(Dataset records)
....

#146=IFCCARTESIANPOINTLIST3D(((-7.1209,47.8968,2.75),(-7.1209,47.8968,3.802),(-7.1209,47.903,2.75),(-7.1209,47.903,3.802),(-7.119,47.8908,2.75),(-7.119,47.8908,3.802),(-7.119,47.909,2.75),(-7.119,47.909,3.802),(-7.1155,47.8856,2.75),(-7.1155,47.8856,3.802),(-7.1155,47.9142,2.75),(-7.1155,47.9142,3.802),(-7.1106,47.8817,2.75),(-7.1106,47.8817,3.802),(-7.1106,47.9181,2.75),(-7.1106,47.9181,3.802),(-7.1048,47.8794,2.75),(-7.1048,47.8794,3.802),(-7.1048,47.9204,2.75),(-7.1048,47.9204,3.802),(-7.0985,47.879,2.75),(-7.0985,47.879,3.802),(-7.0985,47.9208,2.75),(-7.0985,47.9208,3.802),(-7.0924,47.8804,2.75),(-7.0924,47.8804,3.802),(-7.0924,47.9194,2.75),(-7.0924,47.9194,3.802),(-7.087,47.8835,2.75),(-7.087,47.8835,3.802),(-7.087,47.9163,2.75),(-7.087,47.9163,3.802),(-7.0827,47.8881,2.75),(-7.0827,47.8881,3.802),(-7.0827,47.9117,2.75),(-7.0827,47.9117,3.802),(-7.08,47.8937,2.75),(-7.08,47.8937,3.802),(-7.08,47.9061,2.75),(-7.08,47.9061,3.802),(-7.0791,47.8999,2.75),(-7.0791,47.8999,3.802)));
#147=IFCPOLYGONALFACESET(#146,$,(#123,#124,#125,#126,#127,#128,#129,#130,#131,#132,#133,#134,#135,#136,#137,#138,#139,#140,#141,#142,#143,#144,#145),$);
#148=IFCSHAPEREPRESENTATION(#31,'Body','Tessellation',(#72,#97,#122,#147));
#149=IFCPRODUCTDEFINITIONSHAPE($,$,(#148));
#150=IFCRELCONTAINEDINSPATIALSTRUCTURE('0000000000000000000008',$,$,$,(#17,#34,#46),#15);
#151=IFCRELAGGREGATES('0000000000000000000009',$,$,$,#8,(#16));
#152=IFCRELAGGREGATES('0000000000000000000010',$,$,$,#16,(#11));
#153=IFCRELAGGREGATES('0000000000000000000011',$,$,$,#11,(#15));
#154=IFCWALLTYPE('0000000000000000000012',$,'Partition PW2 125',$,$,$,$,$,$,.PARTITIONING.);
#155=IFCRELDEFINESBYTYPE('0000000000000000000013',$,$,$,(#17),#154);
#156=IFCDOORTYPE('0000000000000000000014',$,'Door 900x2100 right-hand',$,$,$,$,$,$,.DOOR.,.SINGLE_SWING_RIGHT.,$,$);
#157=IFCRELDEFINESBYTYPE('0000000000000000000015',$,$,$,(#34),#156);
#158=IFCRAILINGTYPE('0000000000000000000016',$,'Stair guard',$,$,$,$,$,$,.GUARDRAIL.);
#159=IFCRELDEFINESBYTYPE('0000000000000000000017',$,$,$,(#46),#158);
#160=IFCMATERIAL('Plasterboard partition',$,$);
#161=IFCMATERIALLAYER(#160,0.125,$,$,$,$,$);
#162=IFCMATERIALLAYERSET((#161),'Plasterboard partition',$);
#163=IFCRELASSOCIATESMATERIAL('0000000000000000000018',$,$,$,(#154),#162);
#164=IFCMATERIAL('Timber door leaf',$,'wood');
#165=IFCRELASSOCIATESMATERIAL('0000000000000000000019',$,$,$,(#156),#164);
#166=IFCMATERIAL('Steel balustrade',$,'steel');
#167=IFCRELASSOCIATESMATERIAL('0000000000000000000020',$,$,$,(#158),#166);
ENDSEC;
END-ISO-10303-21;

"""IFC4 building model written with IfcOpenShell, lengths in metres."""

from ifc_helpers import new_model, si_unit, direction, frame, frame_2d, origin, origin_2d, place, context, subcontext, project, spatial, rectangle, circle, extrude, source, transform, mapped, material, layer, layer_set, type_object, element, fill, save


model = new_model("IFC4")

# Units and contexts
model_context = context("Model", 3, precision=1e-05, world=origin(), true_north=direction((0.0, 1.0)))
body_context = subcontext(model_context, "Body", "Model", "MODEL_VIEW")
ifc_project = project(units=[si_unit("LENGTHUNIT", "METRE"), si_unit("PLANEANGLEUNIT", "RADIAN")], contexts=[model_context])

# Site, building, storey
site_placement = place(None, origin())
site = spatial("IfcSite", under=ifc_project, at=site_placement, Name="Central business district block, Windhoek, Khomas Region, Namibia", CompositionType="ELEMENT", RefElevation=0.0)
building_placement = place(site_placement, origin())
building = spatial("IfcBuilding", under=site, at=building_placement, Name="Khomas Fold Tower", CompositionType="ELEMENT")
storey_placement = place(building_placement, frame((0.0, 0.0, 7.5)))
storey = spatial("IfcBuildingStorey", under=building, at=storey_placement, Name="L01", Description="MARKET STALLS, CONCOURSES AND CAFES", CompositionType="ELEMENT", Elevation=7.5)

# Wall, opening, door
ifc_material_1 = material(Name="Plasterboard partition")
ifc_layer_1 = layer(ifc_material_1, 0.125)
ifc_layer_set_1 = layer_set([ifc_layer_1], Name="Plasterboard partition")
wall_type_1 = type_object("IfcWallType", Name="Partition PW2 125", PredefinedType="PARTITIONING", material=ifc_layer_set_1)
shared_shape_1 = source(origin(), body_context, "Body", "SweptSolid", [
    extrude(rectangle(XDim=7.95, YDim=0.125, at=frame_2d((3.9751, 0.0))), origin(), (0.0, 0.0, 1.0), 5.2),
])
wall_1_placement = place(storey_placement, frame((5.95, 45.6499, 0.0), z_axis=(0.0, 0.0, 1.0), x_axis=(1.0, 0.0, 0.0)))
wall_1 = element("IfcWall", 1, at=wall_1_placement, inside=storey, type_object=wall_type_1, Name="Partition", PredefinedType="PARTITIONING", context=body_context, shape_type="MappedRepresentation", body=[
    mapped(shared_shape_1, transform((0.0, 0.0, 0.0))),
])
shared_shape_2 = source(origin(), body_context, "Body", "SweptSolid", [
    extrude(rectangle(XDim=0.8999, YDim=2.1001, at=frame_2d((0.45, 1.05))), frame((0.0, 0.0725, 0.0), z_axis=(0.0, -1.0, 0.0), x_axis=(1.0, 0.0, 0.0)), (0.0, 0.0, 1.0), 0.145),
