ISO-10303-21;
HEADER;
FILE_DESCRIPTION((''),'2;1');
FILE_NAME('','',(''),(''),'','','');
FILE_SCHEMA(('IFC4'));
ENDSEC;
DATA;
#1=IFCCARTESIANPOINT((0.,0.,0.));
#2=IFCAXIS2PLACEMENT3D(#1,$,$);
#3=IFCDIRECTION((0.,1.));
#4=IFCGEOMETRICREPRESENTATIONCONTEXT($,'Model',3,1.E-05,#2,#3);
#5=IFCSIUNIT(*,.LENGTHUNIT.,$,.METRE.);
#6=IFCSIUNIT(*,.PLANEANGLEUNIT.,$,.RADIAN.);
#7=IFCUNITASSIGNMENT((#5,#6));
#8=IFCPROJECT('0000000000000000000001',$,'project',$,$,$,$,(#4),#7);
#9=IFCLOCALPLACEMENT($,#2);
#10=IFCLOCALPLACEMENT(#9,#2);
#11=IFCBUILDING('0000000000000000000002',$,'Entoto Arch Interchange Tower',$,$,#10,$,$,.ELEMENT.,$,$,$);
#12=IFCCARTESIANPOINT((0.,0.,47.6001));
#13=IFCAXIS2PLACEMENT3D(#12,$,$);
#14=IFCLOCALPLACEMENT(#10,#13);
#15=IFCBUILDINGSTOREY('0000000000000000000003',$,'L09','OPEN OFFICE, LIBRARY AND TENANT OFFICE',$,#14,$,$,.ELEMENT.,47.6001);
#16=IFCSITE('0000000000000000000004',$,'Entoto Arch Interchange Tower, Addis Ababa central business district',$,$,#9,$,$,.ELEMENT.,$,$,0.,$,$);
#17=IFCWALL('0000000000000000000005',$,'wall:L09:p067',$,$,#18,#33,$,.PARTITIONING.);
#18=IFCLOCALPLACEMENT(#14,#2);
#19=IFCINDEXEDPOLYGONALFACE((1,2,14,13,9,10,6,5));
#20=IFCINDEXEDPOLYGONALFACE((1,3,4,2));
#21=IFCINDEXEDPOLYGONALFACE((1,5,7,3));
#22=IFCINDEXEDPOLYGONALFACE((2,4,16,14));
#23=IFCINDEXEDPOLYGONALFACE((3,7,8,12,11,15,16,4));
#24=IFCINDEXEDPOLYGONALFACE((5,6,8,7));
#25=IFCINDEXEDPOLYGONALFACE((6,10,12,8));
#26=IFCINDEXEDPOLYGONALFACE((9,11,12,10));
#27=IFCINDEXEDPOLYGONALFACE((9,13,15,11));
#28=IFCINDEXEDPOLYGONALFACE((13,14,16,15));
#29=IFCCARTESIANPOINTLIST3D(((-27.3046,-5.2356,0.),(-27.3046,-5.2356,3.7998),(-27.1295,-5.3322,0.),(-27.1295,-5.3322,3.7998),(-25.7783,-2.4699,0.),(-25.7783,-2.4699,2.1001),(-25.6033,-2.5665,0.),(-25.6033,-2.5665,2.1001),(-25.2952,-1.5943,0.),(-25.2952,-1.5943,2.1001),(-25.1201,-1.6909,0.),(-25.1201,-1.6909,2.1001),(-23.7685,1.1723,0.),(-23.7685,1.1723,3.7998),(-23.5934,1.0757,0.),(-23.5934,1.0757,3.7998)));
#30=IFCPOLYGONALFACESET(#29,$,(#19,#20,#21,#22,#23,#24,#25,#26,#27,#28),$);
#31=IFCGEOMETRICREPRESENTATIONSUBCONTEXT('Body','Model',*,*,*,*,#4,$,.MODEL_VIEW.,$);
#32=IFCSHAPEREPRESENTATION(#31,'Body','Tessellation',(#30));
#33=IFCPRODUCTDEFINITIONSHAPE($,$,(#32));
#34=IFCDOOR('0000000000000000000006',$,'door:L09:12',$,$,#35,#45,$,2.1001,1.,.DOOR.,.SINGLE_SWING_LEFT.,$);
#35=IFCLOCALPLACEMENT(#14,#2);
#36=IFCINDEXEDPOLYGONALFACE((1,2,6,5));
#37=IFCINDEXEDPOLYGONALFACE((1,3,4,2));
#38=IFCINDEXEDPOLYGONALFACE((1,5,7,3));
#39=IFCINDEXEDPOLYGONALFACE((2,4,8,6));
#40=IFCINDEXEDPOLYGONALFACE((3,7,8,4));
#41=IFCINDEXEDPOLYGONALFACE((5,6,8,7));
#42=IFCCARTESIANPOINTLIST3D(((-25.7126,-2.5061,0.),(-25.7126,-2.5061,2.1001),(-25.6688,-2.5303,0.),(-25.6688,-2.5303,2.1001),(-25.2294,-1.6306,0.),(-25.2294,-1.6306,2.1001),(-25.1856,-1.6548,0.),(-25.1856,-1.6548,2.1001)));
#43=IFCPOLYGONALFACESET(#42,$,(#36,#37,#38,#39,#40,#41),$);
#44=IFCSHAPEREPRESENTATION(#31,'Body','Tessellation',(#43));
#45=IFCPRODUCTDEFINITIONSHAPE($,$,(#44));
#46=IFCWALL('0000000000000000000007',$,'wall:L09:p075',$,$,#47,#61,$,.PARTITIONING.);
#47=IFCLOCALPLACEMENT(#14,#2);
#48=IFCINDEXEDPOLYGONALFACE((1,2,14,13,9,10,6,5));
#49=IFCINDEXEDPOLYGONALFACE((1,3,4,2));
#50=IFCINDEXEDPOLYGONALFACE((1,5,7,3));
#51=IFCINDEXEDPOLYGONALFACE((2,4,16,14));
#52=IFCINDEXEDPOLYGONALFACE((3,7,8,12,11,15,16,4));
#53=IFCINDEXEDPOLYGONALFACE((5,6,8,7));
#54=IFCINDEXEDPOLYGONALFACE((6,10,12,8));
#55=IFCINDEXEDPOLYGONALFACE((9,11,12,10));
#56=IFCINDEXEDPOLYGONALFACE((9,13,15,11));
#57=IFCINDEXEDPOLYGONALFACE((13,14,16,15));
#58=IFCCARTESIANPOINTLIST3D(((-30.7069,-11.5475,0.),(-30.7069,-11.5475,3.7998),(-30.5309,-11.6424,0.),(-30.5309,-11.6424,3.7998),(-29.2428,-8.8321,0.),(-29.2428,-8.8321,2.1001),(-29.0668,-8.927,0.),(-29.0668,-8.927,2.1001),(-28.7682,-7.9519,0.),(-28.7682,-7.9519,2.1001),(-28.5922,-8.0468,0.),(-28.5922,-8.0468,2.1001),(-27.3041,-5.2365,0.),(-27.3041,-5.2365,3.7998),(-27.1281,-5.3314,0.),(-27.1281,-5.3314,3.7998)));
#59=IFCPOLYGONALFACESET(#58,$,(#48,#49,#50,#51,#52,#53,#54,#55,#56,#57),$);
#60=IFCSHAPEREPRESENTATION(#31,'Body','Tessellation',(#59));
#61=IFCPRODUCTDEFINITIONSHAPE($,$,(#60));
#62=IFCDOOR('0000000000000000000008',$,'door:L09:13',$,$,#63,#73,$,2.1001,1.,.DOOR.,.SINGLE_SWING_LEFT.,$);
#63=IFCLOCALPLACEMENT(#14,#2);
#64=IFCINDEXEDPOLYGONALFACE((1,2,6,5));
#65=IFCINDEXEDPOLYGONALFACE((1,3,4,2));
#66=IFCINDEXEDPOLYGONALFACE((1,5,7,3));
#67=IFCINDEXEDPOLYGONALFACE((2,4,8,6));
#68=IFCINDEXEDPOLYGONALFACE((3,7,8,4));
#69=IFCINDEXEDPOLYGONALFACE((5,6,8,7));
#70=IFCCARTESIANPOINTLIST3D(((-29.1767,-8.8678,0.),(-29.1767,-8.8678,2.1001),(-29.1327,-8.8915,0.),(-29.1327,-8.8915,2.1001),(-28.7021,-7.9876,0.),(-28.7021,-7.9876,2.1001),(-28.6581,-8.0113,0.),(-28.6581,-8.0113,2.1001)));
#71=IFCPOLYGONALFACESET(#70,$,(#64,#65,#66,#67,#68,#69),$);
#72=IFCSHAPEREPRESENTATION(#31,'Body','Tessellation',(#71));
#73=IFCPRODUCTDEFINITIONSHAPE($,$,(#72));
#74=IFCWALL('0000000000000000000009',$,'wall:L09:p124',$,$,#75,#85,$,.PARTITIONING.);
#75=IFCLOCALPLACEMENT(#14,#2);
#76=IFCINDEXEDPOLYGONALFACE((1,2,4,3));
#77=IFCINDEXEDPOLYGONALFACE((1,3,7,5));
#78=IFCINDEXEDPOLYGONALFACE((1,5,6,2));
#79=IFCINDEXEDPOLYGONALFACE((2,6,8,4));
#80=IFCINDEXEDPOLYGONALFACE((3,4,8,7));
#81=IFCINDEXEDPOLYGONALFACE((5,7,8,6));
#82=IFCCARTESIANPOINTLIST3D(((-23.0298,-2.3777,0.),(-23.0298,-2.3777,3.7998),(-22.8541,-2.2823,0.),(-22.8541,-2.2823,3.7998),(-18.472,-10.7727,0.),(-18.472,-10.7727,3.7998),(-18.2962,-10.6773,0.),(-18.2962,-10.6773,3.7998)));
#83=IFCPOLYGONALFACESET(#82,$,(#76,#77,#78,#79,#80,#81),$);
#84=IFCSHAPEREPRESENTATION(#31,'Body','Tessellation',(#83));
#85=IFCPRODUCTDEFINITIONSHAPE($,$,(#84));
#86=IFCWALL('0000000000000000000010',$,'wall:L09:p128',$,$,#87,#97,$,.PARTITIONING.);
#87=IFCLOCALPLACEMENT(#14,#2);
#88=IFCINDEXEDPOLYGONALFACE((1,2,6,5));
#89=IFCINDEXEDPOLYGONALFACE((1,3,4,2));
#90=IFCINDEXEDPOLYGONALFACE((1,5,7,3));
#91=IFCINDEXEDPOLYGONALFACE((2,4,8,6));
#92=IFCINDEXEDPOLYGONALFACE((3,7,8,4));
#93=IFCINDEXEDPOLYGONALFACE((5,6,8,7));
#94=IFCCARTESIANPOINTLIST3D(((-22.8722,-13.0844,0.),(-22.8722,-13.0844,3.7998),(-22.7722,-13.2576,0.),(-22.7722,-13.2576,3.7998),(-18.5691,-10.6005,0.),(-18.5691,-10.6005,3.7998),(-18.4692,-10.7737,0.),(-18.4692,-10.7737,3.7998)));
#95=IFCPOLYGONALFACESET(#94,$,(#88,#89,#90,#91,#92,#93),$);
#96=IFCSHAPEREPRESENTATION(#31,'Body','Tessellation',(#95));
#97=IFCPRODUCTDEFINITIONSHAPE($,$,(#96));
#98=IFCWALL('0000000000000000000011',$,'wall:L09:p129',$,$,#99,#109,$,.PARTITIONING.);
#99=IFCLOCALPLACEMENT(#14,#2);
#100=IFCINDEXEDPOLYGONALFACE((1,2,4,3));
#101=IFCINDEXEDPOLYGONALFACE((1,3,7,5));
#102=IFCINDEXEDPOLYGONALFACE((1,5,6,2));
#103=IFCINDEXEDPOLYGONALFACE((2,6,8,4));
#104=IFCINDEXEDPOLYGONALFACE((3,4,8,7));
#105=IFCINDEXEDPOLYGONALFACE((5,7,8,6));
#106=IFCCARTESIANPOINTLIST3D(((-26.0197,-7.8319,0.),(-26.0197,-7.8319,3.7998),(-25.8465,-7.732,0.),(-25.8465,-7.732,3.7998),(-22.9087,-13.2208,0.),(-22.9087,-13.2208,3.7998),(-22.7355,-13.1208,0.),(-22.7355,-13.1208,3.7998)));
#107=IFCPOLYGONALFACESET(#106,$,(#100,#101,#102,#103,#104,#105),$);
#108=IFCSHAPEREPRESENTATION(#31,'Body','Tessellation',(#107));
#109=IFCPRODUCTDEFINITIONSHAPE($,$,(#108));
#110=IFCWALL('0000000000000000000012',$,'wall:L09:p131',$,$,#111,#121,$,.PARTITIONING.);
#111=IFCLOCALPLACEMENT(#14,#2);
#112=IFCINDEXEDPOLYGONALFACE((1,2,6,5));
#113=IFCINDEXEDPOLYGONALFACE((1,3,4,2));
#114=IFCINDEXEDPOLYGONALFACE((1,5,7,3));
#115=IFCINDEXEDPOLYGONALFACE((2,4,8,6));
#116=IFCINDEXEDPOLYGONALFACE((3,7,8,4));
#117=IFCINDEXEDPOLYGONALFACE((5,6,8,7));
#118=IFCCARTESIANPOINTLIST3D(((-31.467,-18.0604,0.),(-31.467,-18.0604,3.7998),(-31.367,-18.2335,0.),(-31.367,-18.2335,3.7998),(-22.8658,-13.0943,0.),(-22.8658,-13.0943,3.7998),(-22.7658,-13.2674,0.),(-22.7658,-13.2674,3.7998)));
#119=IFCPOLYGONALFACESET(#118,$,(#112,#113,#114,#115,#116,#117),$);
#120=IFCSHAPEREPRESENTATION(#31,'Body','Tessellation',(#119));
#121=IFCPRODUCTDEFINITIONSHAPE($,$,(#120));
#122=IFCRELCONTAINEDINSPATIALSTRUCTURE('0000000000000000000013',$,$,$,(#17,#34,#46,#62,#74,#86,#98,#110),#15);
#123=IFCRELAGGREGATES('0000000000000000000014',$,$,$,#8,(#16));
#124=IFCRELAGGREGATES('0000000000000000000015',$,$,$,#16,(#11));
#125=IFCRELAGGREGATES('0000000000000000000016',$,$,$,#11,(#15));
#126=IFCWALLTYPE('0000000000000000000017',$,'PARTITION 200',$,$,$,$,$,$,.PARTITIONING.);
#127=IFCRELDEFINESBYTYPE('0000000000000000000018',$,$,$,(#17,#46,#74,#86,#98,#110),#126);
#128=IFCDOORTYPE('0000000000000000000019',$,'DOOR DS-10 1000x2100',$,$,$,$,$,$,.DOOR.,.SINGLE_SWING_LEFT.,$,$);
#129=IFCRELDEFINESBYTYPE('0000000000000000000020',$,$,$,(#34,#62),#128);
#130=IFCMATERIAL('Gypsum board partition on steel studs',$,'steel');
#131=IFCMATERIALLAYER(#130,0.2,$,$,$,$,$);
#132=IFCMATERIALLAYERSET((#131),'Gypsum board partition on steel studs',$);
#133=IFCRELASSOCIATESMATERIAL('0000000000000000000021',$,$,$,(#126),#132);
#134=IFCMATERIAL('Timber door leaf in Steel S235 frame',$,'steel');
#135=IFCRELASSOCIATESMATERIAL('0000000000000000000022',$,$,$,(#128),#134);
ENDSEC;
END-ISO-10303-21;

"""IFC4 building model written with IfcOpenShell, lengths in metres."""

from ifc_helpers import new_model, si_unit, direction, frame, frame_2d, origin, place, context, subcontext, project, spatial, rectangle, extrude, material, layer, layer_set, type_object, element, fill, save


model = new_model("IFC4")

# Units and contexts
model_context = context("Model", 3, precision=1e-05, world=origin(), true_north=direction((0.0, 1.0)))
body_context = subcontext(model_context, "Body", "Model", "MODEL_VIEW")
ifc_project = project(units=[si_unit("LENGTHUNIT", "METRE"), si_unit("PLANEANGLEUNIT", "RADIAN")], contexts=[model_context])

# Site, building, storey
site_placement = place(None, origin())
site = spatial("IfcSite", under=ifc_project, at=site_placement, Name="Entoto Arch Interchange Tower, Addis Ababa central business district", CompositionType="ELEMENT", RefElevation=0.0)
building_placement = place(site_placement, origin())
building = spatial("IfcBuilding", under=site, at=building_placement, Name="Entoto Arch Interchange Tower", CompositionType="ELEMENT")
storey_placement = place(building_placement, frame((0.0, 0.0, 47.6001)))
storey = spatial("IfcBuildingStorey", under=building, at=storey_placement, Name="L09", Description="OPEN OFFICE, LIBRARY AND TENANT OFFICE", CompositionType="ELEMENT", Elevation=47.6001)

# Shared definitions
ifc_material_1 = material(Name="Gypsum board partition on steel studs", Category="steel")
ifc_layer_1 = layer(ifc_material_1, 0.2)
ifc_layer_set_1 = layer_set([ifc_layer_1], Name="Gypsum board partition on steel studs")
wall_type_1 = type_object("IfcWallType", Name="PARTITION 200", PredefinedType="PARTITIONING", material=ifc_layer_set_1)

# Shared definitions
ifc_material_2 = material(Name="Timber door leaf in Steel S235 frame", Category="steel")
door_type = type_object("IfcDoorType", Name="DOOR DS-10 1000x2100", OperationType="SINGLE_SWING_LEFT", PredefinedType="DOOR", material=ifc_material_2)

# Walls, openings, doors
wall_1_placement = place(storey_placement, frame((-27.217, -5.2839, 0.0), z_axis=(0.0, 0.0, 1.0), x_axis=(0.483151, 0.875537, 0.0)))
wall_1 = element("IfcWall", 1, at=wall_1_placement, inside=storey, type_object=wall_type_1, Name="wall:L09:p067", PredefinedType="PARTITIONING", context=body_context, shape_type="SweptSolid", body=[
    extrude(rectangle(XDim=7.3188, YDim=0.2, at=frame_2d((3.6594, 0.0))), origin(), (0.0, 0.0, 1.0), 3.7998),
])
opening_1_placement = place(wall_1_placement, frame((3.1589, 0.0, 0.0)))
opening_1 = element("IfcOpeningElement", 2, at=opening_1_placement, cuts=wall_1, PredefinedType="OPENING", context=body_context, shape_type="SweptSolid", body=[
    extrude(rectangle(XDim=1.0, YDim=2.1001, at=frame_2d((0.5, 1.05))), frame((0.0, 0.1099, 0.0), z_axis=(0.0, -1.0, 0.0), x_axis=(1.0, 0.0, 0.0)), (0.0, 0.0, 1.0), 0.22),
])
door_1_placement = place(opening_1_placement, origin())
door_1 = element("IfcDoor", 3, at=door_1_placement, inside=storey, type_object=door_type, Name="door:L09:12", OperationType="SINGLE_SWING_LEFT", OverallHeight=2.1001, OverallWidth=1.0, PredefinedType="DOOR", context=body_context, shape_type="SweptSolid", body=[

....

What to do -
Only one stretch of the records above is wanted: the lines between the one holding "#35=IFCLOCALPLACEMENT(#14,#2);" and the one holding "#41=IFCINDEXEDPOLYGONALFACE((5,6,8,7));", inclusive, reproduced exactly.

Solution to this problem -
#35=IFCLOCALPLACEMENT(#14,#2);
#36=IFCINDEXEDPOLYGONALFACE((1,2,6,5));
#37=IFCINDEXEDPOLYGONALFACE((1,3,4,2));
#38=IFCINDEXEDPOLYGONALFACE((1,5,7,3));
#39=IFCINDEXEDPOLYGONALFACE((2,4,8,6));
#40=IFCINDEXEDPOLYGONALFACE((3,7,8,4));
#41=IFCINDEXEDPOLYGONALFACE((5,6,8,7));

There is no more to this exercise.